**What the exercise asks**
Out of all the lines below, count those with the word "mullion". Give the number only.

[Stored items]
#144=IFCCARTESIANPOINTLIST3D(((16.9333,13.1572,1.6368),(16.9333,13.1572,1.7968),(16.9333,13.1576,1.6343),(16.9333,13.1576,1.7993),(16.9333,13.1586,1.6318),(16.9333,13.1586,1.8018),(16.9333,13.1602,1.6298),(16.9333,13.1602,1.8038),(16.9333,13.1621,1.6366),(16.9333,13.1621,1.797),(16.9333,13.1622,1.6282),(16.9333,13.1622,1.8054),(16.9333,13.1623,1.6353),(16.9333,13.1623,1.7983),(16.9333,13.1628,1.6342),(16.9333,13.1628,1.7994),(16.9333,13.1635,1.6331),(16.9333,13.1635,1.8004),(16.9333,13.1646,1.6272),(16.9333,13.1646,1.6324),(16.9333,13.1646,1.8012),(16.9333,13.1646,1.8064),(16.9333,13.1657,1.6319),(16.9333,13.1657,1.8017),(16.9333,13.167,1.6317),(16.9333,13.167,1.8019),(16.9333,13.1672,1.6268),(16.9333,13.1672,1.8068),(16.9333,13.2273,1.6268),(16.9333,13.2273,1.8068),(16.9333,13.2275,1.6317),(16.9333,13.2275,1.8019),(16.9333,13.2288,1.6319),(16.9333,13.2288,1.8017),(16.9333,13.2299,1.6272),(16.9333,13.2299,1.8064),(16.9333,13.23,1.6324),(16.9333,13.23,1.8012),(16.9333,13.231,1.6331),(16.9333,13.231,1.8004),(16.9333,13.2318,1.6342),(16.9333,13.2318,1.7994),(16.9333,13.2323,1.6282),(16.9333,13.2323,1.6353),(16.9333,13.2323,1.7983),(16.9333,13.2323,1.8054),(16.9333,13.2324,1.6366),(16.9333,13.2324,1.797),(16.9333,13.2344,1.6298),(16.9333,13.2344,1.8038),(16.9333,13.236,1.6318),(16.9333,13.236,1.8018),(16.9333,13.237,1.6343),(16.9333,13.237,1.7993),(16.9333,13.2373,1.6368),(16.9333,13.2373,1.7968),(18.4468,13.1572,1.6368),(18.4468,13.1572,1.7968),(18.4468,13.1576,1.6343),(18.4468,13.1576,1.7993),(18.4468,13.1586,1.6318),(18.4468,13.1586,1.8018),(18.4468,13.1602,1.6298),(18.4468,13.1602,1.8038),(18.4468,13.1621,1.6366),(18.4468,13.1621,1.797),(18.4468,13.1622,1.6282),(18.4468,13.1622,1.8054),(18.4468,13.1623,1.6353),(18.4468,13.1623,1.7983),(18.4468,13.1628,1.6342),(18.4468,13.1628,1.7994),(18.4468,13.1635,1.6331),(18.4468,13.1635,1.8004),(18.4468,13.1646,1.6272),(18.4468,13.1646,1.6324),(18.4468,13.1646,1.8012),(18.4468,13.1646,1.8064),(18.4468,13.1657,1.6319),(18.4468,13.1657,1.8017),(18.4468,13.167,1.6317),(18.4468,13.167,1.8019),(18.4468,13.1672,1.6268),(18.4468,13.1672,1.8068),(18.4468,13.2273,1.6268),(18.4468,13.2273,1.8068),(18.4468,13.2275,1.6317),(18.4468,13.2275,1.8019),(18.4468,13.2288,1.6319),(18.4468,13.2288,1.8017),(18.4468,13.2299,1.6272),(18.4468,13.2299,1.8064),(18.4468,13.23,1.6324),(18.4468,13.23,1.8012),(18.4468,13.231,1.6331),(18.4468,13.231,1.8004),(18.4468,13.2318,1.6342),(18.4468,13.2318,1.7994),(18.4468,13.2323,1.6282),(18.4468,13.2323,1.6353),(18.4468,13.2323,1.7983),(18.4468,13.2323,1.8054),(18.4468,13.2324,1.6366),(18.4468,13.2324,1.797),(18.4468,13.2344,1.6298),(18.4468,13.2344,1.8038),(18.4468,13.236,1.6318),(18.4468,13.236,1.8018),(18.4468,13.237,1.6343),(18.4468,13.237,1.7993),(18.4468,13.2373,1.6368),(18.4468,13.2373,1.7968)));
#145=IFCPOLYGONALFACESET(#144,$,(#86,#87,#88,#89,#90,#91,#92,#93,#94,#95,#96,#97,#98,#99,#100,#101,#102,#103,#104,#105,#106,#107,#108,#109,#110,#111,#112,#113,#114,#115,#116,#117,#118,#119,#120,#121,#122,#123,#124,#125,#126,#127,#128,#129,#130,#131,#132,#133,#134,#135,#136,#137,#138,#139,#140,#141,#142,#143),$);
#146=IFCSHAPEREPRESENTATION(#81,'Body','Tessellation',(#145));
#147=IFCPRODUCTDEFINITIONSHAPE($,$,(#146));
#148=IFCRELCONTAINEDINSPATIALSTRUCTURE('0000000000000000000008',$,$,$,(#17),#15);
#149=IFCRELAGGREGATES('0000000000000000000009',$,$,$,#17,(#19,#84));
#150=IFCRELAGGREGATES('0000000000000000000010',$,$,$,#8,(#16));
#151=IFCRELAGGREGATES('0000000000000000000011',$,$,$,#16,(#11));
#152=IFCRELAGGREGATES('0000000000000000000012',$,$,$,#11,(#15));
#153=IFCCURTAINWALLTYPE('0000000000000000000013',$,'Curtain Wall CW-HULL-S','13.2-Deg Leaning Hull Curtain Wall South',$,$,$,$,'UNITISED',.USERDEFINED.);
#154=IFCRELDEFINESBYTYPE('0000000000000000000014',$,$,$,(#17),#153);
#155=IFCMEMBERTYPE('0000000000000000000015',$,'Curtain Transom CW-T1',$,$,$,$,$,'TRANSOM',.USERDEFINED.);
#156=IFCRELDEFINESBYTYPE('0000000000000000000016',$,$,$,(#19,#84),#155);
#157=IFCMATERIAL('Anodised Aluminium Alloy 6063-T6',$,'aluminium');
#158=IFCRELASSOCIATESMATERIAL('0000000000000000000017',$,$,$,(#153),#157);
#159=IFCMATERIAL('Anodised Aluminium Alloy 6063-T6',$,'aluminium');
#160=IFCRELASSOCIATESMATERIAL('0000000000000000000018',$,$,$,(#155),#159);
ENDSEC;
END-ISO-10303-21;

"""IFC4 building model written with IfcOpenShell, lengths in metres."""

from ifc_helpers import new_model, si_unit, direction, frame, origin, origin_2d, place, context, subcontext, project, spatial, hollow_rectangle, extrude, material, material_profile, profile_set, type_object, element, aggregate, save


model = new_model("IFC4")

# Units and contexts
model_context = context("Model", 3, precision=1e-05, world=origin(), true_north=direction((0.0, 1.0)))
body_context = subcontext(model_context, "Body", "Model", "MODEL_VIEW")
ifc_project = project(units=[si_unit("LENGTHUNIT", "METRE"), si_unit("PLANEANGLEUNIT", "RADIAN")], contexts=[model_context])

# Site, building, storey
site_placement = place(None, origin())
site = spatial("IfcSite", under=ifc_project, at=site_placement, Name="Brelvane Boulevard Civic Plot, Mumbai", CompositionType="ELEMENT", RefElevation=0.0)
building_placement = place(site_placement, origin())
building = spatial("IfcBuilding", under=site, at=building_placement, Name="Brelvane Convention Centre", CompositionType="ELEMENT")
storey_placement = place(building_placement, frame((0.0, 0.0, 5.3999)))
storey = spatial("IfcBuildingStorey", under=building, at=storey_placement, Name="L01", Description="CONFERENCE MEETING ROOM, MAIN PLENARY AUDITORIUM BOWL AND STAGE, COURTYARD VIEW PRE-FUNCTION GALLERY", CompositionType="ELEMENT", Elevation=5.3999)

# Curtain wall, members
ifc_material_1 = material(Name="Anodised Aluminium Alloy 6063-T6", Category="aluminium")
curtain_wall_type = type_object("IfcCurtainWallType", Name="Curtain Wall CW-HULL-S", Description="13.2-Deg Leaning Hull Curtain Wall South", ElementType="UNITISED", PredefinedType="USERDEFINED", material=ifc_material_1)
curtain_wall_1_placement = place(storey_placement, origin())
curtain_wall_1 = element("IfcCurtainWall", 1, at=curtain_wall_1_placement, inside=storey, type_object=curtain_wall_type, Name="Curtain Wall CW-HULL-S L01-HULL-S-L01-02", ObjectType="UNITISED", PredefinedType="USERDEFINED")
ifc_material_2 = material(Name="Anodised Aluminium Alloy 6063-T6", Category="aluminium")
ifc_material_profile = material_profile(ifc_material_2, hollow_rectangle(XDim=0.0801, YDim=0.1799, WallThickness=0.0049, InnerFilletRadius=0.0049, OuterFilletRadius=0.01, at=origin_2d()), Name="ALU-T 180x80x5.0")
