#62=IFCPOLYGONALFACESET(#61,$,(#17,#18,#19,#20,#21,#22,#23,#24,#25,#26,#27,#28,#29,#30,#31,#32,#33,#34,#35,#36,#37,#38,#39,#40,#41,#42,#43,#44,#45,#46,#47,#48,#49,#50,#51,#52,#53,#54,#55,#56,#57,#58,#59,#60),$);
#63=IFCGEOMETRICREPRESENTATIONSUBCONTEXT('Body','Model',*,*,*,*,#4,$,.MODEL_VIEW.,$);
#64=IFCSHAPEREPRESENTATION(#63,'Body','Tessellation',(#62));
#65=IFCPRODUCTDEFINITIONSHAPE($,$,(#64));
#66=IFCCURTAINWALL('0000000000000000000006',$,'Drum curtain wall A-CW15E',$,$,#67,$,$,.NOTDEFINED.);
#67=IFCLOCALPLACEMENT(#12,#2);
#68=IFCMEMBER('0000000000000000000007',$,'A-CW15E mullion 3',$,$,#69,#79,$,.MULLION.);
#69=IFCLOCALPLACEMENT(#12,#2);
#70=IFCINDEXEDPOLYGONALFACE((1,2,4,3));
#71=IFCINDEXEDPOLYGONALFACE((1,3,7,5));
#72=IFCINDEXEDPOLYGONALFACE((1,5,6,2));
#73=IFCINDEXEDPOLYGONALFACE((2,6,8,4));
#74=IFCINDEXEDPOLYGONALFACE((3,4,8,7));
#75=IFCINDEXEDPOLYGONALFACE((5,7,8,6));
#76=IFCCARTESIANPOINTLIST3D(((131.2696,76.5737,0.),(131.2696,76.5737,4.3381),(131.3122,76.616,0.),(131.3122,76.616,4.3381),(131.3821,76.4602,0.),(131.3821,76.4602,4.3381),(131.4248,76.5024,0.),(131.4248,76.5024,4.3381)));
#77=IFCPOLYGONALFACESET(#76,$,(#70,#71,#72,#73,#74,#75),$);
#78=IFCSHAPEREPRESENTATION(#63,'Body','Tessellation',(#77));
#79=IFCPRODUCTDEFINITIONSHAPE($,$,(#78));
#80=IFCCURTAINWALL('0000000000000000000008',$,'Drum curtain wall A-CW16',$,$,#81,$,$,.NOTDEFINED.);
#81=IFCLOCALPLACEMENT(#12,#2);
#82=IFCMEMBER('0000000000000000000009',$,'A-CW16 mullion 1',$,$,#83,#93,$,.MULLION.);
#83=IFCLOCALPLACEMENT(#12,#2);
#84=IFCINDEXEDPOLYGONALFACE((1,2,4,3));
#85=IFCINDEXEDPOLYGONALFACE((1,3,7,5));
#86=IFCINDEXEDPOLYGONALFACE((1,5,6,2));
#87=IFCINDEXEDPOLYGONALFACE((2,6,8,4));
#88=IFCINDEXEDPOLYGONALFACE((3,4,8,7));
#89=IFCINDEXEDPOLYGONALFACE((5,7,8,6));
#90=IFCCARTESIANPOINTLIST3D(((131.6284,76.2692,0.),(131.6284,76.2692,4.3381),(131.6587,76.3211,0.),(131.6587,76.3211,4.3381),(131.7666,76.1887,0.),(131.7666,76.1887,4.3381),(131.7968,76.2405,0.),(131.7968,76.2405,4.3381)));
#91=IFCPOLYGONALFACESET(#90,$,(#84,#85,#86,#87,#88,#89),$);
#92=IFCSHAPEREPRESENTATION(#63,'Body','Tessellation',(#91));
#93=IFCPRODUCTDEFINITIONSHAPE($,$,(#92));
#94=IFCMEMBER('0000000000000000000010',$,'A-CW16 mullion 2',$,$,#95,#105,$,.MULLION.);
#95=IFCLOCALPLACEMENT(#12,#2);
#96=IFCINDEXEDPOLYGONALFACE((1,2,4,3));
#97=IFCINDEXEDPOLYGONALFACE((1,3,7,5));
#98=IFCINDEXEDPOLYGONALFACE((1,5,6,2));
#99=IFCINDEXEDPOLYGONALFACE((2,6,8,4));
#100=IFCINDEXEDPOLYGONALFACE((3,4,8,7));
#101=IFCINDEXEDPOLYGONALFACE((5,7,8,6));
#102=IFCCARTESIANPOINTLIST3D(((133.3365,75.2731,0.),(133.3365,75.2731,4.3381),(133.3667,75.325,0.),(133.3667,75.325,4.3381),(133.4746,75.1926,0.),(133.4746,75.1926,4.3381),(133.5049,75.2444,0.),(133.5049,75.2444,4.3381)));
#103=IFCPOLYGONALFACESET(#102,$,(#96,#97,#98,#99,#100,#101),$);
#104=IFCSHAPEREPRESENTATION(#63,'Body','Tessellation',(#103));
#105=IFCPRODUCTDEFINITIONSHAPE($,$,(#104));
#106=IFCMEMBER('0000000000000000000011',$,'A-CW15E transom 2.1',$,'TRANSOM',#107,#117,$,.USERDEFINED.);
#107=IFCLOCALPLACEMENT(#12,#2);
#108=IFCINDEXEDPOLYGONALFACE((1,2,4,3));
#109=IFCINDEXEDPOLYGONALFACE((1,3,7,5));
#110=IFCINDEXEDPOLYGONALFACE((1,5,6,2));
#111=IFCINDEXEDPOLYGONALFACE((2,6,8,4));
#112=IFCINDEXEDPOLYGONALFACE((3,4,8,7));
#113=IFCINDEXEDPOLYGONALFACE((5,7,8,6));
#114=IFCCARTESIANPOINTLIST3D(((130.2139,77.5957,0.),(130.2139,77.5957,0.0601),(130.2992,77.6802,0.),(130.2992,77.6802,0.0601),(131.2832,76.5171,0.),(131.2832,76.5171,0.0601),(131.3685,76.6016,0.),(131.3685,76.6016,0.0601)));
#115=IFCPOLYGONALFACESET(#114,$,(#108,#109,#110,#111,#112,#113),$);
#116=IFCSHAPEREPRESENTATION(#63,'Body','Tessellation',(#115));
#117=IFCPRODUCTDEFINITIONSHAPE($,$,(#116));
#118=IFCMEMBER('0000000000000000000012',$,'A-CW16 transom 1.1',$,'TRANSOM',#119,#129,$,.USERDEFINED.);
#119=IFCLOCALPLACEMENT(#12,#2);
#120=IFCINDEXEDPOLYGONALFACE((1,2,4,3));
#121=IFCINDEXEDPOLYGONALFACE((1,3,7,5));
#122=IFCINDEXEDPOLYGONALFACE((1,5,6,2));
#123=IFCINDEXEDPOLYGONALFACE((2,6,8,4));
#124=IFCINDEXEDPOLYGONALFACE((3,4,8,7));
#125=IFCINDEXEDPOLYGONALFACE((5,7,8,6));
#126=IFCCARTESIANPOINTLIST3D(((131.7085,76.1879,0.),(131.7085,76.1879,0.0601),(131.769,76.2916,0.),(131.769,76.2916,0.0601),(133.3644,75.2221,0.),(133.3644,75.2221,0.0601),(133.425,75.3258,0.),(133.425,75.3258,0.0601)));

**Your solution**
3